**YOUR ASSIGNMENT**. Your answer must match the data word for word.

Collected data

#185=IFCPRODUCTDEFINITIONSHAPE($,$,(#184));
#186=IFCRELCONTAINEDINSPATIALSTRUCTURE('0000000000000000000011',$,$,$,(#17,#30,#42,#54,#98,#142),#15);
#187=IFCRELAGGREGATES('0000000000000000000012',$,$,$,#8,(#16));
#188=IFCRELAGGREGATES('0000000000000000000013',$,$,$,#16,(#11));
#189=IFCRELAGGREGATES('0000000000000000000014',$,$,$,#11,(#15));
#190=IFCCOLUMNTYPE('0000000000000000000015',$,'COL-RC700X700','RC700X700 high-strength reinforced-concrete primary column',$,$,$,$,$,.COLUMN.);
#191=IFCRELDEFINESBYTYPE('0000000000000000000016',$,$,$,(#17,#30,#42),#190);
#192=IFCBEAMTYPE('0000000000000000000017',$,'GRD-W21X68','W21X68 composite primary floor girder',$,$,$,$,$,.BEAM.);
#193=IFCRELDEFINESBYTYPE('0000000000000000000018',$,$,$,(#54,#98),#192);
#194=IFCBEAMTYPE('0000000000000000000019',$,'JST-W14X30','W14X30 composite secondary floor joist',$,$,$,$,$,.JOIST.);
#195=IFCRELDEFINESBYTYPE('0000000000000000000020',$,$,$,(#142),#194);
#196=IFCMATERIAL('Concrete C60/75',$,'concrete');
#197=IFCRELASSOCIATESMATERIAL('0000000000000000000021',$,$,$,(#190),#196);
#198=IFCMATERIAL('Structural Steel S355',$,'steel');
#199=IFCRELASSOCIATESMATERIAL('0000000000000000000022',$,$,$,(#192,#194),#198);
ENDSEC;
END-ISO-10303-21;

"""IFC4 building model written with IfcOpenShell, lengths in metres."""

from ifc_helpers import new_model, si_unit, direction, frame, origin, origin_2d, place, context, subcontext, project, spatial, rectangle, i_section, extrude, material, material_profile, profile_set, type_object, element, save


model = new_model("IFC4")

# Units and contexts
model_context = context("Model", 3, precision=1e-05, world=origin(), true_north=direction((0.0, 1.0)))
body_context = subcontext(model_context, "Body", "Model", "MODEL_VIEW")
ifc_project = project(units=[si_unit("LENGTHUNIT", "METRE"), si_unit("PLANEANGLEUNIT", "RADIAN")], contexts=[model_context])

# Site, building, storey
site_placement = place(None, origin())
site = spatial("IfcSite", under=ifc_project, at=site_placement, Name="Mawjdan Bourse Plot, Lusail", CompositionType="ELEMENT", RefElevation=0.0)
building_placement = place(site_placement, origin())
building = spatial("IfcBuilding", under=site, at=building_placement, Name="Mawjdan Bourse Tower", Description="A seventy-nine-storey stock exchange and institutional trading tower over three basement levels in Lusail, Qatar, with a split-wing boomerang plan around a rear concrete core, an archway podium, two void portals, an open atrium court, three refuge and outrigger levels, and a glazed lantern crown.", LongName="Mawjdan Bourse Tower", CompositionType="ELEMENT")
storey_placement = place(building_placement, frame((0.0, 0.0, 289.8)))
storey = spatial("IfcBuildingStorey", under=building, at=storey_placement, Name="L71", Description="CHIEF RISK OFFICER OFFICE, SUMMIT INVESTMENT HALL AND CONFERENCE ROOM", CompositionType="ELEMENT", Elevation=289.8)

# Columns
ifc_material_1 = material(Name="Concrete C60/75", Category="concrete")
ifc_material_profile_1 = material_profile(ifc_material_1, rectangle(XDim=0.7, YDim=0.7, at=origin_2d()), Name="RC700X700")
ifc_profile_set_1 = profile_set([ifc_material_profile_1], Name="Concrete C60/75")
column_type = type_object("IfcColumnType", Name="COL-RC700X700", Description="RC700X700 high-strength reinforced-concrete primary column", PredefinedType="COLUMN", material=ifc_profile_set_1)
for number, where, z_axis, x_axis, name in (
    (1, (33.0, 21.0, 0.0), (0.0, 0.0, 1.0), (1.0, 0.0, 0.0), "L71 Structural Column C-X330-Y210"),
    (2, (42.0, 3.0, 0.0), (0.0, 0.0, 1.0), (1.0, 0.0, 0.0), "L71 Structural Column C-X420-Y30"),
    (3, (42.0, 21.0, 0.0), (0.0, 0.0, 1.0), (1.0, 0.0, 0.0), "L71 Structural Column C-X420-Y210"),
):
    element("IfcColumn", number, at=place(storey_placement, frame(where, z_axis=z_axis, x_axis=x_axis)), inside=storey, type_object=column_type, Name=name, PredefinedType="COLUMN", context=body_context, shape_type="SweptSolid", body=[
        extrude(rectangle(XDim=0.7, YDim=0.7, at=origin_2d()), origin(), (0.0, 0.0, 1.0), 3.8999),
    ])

**WORKED SOLUTION**.
#185=IFCPRODUCTDEFINITIONSHAPE($,$,(#184));
#186=IFCRELCONTAINEDINSPATIALSTRUCTURE('0000000000000000000011',$,$,$,(#17,#30,#42,#54,#98,#142),#15);
#187=IFCRELAGGREGATES('0000000000000000000012',$,$,$,#8,(#16));
#188=IFCRELAGGREGATES('0000000000000000000013',$,$,$,#16,(#11));
#189=IFCRELAGGREGATES('0000000000000000000014',$,$,$,#11,(#15));
#190=IFCCOLUMNTYPE('0000000000000000000015',$,'COL-RC700X700','RC700X700 high-strength reinforced-concrete primary column',$,$,$,$,$,.COLUMN.);
#191=IFCRELDEFINESBYTYPE('0000000000000000000016',$,$,$,(#17,#30,#42),#190);
#192=IFCBEAMTYPE('0000000000000000000017',$,'GRD-W21X68','W21X68 composite primary floor girder',$,$,$,$,$,.BEAM.);
#193=IFCRELDEFINESBYTYPE('0000000000000000000018',$,$,$,(#54,#98),#192);
#194=IFCBEAMTYPE('0000000000000000000019',$,'JST-W14X30','W14X30 composite secondary floor joist',$,$,$,$,$,.JOIST.);
#195=IFCRELDEFINESBYTYPE('0000000000000000000020',$,$,$,(#142),#194);
#196=IFCMATERIAL('Concrete C60/75',$,'concrete');
#197=IFCRELASSOCIATESMATERIAL('0000000000000000000021',$,$,$,(#190),#196);
#198=IFCMATERIAL('Structural Steel S355',$,'steel');
#199=IFCRELASSOCIATESMATERIAL('0000000000000000000022',$,$,$,(#192,#194),#198);
ENDSEC;
END-ISO-10303-21;

"""IFC4 building model written with IfcOpenShell, lengths in metres."""

from ifc_helpers import new_model, si_unit, direction, frame, origin, origin_2d, place, context, subcontext, project, spatial, rectangle, i_section, extrude, material, material_profile, profile_set, type_object, element, save


model = new_model("IFC4")

# Units and contexts
model_context = context("Model", 3, precision=1e-05, world=origin(), true_north=direction((0.0, 1.0)))
body_context = subcontext(model_context, "Body", "Model", "MODEL_VIEW")
ifc_project = project(units=[si_unit("LENGTHUNIT", "METRE"), si_unit("PLANEANGLEUNIT", "RADIAN")], contexts=[model_context])

# Site, building, storey
site_placement = place(None, origin())
site = spatial("IfcSite", under=ifc_project, at=site_placement, Name="Mawjdan Bourse Plot, Lusail", CompositionType="ELEMENT", RefElevation=0.0)
building_placement = place(site_placement, origin())
building = spatial("IfcBuilding", under=site, at=building_placement, Name="Mawjdan Bourse Tower", Description="A seventy-nine-storey stock exchange and institutional trading tower over three basement levels in Lusail, Qatar, with a split-wing boomerang plan around a rear concrete core, an archway podium, two void portals, an open atrium court, three refuge and outrigger levels, and a glazed lantern crown.", LongName="Mawjdan Bourse Tower", CompositionType="ELEMENT")
storey_placement = place(building_placement, frame((0.0, 0.0, 289.8)))
storey = spatial("IfcBuildingStorey", under=building, at=storey_placement, Name="L71", Description="CHIEF RISK OFFICER OFFICE, SUMMIT INVESTMENT HALL AND CONFERENCE ROOM", CompositionType="ELEMENT", Elevation=289.8)

# Columns
ifc_material_1 = material(Name="Concrete C60/75", Category="concrete")
ifc_material_profile_1 = material_profile(ifc_material_1, rectangle(XDim=0.7, YDim=0.7, at=origin_2d()), Name="RC700X700")
ifc_profile_set_1 = profile_set([ifc_material_profile_1], Name="Concrete C60/75")
column_type = type_object("IfcColumnType", Name="COL-RC700X700", Description="RC700X700 high-strength reinforced-concrete primary column", PredefinedType="COLUMN", material=ifc_profile_set_1)
for number, where, z_axis, x_axis, name in (
    (1, (33.0, 21.0, 0.0), (0.0, 0.0, 1.0), (1.0, 0.0, 0.0), "L71 Structural Column C-X330-Y210"),
    (2, (42.0, 3.0, 0.0), (0.0, 0.0, 1.0), (1.0, 0.0, 0.0), "L71 Structural Column C-X420-Y30"),
    (3, (42.0, 21.0, 0.0), (0.0, 0.0, 1.0), (1.0, 0.0, 0.0), "L71 Structural Column C-X420-Y210"),
):
    element("IfcColumn", number, at=place(storey_placement, frame(where, z_axis=z_axis, x_axis=x_axis)), inside=storey, type_object=column_type, Name=name, PredefinedType="COLUMN", context=body_context, shape_type="SweptSolid", body=[
        extrude(rectangle(XDim=0.7, YDim=0.7, at=origin_2d()), origin(), (0.0, 0.0, 1.0), 3.8999),
    ])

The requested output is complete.